§ **WHAT YOU SHOULD DO**: The lines you return must be all those in the data that hold the string "FlangeThickness".

Stored data:
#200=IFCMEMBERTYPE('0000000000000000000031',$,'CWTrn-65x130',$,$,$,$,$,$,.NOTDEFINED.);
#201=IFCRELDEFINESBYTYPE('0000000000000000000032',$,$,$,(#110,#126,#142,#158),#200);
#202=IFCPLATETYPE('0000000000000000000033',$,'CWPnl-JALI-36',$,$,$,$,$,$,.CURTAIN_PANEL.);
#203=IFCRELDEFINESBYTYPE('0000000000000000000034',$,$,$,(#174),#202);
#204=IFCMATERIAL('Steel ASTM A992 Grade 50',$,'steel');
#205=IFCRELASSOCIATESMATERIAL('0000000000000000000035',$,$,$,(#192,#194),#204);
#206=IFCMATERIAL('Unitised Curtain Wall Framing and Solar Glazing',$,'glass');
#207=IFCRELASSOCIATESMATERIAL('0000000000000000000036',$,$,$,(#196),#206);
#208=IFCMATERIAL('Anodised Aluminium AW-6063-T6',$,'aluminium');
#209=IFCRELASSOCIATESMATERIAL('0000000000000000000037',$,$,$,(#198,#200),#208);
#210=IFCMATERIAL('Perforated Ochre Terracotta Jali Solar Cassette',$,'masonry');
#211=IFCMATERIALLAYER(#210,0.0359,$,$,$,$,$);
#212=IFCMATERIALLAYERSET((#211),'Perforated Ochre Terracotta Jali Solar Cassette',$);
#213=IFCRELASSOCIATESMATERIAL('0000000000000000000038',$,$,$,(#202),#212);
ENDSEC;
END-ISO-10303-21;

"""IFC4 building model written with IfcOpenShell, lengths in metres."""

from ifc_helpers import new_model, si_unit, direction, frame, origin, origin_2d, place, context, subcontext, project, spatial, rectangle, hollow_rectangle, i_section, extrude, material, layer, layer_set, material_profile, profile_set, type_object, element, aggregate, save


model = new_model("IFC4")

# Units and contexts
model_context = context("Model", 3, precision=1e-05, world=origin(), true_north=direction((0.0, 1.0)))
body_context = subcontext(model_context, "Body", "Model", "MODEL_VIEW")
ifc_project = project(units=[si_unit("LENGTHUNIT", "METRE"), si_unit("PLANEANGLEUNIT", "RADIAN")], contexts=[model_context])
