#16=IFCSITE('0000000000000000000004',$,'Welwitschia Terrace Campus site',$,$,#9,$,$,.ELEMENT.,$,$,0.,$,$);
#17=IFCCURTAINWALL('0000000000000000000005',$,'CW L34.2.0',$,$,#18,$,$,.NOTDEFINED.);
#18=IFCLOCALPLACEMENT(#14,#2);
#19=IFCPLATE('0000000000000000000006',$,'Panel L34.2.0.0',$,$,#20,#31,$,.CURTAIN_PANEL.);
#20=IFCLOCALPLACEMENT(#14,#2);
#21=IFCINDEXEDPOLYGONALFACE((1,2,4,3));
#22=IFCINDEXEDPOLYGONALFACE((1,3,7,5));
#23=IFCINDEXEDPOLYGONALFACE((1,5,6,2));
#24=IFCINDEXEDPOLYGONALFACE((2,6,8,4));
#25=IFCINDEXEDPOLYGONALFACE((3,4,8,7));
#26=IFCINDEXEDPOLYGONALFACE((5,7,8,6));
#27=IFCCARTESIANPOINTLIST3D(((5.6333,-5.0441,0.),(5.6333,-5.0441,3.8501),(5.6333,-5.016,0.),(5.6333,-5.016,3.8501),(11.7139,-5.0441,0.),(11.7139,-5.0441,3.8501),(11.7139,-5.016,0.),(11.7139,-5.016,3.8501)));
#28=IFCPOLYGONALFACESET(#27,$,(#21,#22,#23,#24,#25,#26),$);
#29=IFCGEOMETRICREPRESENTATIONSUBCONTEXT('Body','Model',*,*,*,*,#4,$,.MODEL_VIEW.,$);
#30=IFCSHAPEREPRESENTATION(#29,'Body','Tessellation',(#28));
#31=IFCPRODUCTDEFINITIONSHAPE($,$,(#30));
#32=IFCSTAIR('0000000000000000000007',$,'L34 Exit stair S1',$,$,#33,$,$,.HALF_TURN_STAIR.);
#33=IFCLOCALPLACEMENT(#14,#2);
==
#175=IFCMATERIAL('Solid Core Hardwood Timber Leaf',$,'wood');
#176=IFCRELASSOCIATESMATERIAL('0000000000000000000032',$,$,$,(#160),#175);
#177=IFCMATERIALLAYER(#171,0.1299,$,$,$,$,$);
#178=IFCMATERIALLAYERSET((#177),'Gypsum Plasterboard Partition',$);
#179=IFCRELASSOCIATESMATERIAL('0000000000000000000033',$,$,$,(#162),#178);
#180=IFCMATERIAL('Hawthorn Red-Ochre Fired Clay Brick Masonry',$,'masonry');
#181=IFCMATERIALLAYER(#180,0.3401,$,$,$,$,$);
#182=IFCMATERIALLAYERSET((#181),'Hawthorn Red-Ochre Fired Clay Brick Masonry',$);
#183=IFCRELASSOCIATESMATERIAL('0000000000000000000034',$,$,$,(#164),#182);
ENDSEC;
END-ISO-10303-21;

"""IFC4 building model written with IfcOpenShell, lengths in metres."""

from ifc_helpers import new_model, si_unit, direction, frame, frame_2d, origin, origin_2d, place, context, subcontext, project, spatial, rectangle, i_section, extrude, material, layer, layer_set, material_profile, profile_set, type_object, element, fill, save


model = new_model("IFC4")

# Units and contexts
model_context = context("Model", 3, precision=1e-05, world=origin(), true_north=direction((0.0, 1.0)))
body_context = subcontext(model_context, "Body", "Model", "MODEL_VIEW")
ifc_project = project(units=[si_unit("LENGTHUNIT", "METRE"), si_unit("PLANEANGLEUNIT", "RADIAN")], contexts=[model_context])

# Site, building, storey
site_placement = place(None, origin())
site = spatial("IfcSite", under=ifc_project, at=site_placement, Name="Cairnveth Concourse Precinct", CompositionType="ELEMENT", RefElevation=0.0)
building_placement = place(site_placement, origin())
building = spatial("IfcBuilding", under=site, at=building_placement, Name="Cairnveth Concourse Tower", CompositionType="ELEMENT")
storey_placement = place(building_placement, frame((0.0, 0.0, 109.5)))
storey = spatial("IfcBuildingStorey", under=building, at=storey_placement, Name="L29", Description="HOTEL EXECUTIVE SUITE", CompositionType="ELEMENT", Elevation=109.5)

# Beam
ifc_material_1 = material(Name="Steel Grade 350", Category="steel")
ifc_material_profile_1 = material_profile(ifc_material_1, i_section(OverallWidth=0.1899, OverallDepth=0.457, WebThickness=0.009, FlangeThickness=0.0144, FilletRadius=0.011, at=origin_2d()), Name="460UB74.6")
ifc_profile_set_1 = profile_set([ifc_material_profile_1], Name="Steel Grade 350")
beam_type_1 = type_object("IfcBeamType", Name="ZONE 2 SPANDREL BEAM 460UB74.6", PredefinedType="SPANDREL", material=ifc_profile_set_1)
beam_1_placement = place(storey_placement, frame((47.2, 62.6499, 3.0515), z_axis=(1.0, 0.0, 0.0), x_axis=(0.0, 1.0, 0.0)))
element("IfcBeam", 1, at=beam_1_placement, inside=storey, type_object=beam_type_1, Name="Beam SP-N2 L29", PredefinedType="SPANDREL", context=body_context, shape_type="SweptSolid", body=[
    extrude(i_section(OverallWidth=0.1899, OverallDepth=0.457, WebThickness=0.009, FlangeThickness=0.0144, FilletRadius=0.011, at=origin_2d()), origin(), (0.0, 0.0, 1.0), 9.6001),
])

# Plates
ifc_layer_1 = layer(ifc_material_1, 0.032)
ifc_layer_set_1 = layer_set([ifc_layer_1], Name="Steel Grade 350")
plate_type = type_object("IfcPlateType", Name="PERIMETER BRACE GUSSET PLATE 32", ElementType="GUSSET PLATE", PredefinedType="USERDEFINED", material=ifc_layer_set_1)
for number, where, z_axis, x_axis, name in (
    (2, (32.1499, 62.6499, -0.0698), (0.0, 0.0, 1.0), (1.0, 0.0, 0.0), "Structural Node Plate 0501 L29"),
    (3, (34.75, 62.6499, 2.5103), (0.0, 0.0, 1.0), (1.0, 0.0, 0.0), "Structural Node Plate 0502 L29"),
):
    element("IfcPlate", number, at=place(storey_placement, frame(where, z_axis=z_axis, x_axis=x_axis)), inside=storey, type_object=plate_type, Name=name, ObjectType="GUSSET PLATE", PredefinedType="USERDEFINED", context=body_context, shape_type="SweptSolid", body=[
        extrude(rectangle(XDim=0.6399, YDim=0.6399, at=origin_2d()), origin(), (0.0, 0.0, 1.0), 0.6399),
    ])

§ **RESPONSE**:
ifc_material_profile_1 = material_profile(ifc_material_1, i_section(OverallWidth=0.1899, OverallDepth=0.457, WebThickness=0.009, FlangeThickness=0.0144, FilletRadius=0.011, at=origin_2d()), Name="460UB74.6")
    extrude(i_section(OverallWidth=0.1899, OverallDepth=0.457, WebThickness=0.009, FlangeThickness=0.0144, FilletRadius=0.011, at=origin_2d()), origin(), (0.0, 0.0, 1.0), 9.6001),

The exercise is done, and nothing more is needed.